Information provided
# # # # # # #

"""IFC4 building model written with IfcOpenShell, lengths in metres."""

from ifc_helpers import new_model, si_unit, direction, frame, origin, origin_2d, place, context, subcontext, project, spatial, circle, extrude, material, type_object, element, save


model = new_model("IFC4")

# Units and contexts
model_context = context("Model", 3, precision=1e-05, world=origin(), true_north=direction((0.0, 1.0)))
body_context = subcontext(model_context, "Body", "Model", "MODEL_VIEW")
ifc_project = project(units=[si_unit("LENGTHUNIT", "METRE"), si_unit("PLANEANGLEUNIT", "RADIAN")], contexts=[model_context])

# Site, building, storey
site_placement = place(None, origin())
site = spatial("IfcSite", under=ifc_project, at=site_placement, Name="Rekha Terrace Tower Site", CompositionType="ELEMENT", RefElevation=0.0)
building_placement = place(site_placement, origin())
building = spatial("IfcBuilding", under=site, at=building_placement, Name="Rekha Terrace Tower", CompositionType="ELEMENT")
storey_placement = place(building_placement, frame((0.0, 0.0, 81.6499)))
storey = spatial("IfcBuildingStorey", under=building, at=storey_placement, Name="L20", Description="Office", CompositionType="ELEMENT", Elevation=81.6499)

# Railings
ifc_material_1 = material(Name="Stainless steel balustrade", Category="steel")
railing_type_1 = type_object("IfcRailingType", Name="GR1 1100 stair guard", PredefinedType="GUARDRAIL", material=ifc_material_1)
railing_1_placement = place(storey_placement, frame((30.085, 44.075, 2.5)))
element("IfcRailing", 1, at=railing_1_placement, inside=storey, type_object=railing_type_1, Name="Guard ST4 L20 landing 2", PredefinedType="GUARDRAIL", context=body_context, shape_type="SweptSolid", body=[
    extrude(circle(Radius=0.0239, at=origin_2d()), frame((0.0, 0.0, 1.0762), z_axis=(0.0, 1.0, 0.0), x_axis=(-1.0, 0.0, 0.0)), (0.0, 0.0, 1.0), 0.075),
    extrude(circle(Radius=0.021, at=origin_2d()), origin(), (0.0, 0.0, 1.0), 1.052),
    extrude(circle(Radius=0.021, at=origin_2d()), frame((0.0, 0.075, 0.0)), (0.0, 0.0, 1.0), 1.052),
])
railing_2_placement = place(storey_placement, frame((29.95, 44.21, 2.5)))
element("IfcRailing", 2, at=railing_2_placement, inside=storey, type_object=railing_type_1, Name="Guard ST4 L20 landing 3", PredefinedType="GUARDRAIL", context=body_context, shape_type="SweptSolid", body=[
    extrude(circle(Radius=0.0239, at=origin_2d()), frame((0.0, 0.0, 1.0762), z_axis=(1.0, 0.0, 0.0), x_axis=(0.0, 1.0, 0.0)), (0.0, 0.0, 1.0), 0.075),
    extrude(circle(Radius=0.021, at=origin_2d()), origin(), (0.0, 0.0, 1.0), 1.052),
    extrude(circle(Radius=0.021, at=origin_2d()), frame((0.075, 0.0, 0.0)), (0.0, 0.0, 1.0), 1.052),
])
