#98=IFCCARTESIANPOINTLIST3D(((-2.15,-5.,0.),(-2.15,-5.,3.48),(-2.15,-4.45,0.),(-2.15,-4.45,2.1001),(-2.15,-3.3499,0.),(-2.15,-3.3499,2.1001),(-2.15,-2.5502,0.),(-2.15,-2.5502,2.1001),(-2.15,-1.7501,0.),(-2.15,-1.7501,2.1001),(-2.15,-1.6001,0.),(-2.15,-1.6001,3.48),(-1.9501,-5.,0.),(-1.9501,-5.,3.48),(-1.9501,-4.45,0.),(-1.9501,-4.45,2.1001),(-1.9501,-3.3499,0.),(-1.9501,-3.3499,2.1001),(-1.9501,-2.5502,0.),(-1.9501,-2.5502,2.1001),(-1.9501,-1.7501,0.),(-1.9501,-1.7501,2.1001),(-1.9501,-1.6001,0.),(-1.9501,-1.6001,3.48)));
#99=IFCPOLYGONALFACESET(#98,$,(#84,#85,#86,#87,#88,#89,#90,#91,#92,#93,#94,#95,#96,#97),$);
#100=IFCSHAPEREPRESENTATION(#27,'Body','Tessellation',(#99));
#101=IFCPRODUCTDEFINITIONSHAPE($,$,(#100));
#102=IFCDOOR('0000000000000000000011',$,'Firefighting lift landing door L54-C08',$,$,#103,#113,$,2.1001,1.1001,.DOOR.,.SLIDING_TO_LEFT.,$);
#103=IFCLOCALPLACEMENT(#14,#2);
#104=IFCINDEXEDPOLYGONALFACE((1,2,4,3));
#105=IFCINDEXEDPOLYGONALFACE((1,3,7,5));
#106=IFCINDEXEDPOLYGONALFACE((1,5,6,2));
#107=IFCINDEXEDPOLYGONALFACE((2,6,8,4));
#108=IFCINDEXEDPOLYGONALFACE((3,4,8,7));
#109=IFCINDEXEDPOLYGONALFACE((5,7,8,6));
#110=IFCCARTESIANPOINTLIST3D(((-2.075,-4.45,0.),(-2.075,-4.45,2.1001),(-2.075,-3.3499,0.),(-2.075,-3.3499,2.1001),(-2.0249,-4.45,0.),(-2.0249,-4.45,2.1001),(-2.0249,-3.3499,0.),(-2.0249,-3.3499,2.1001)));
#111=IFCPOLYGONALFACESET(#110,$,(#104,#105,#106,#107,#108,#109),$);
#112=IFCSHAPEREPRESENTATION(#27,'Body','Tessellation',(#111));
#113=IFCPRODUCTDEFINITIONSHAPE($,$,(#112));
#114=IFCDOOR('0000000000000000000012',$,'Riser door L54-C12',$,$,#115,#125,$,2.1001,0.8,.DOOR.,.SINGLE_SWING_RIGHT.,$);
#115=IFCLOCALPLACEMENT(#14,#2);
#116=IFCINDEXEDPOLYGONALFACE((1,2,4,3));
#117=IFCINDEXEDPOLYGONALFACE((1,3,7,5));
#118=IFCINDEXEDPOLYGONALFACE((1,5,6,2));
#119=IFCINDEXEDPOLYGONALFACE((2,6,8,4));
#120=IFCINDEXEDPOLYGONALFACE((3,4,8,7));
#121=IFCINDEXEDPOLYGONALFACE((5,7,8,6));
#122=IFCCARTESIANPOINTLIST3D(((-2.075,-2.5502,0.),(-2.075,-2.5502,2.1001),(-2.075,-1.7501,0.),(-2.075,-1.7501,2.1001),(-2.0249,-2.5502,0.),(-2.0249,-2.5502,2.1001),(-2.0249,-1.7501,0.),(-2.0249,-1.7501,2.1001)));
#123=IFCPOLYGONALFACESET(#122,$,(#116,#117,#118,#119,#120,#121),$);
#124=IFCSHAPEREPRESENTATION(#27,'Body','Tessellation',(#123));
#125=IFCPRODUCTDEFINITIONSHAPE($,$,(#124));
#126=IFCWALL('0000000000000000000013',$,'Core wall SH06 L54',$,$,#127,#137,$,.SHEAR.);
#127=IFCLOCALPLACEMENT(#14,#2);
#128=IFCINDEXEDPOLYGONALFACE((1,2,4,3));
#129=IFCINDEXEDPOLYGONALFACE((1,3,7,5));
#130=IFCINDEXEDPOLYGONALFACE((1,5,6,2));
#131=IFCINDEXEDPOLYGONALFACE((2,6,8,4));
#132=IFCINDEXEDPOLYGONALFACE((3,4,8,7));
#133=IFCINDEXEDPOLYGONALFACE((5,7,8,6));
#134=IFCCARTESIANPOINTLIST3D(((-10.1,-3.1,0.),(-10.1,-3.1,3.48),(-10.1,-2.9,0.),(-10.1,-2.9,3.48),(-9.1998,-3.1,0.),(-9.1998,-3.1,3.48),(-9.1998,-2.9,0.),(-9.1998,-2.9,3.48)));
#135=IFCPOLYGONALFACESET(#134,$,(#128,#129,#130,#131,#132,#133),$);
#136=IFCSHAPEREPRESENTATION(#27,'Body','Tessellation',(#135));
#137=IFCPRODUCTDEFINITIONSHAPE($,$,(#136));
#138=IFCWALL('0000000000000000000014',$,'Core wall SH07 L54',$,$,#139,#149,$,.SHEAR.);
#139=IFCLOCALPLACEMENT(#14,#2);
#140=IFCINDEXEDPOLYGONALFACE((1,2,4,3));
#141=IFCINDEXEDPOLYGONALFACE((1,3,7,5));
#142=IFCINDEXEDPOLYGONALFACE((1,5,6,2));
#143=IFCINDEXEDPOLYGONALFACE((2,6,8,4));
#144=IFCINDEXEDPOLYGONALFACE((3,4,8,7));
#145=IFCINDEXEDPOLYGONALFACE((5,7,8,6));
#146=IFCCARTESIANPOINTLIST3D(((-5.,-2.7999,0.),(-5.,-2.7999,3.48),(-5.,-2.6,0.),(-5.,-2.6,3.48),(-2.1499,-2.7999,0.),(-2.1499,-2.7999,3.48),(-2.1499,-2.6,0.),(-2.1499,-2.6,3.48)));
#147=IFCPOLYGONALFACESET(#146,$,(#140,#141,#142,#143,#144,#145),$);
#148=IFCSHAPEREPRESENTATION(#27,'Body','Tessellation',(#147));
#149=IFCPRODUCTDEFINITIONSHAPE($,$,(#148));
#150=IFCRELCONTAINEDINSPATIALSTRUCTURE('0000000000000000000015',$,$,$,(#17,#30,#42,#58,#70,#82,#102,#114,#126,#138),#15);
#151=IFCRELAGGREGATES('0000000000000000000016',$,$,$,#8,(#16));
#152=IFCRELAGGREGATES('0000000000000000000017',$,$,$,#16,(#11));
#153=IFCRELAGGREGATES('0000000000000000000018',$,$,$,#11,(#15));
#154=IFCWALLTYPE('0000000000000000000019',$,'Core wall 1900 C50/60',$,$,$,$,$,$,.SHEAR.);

# # # # # # #

What is expected
Beginning with the line that has "#131=IFCINDEXEDPOLYGONALFACE((2,6,8,4));" and ending with the line that has "#142=IFCINDEXEDPOLYGONALFACE((1,5,6,2));", set down the lines above exactly and include no others.

Solution for this problem
#131=IFCINDEXEDPOLYGONALFACE((2,6,8,4));
#132=IFCINDEXEDPOLYGONALFACE((3,4,8,7));
#133=IFCINDEXEDPOLYGONALFACE((5,7,8,6));
#134=IFCCARTESIANPOINTLIST3D(((-10.1,-3.1,0.),(-10.1,-3.1,3.48),(-10.1,-2.9,0.),(-10.1,-2.9,3.48),(-9.1998,-3.1,0.),(-9.1998,-3.1,3.48),(-9.1998,-2.9,0.),(-9.1998,-2.9,3.48)));
#135=IFCPOLYGONALFACESET(#134,$,(#128,#129,#130,#131,#132,#133),$);
#136=IFCSHAPEREPRESENTATION(#27,'Body','Tessellation',(#135));
#137=IFCPRODUCTDEFINITIONSHAPE($,$,(#136));
#138=IFCWALL('0000000000000000000014',$,'Core wall SH07 L54',$,$,#139,#149,$,.SHEAR.);
#139=IFCLOCALPLACEMENT(#14,#2);
#140=IFCINDEXEDPOLYGONALFACE((1,2,4,3));
#141=IFCINDEXEDPOLYGONALFACE((1,3,7,5));
#142=IFCINDEXEDPOLYGONALFACE((1,5,6,2));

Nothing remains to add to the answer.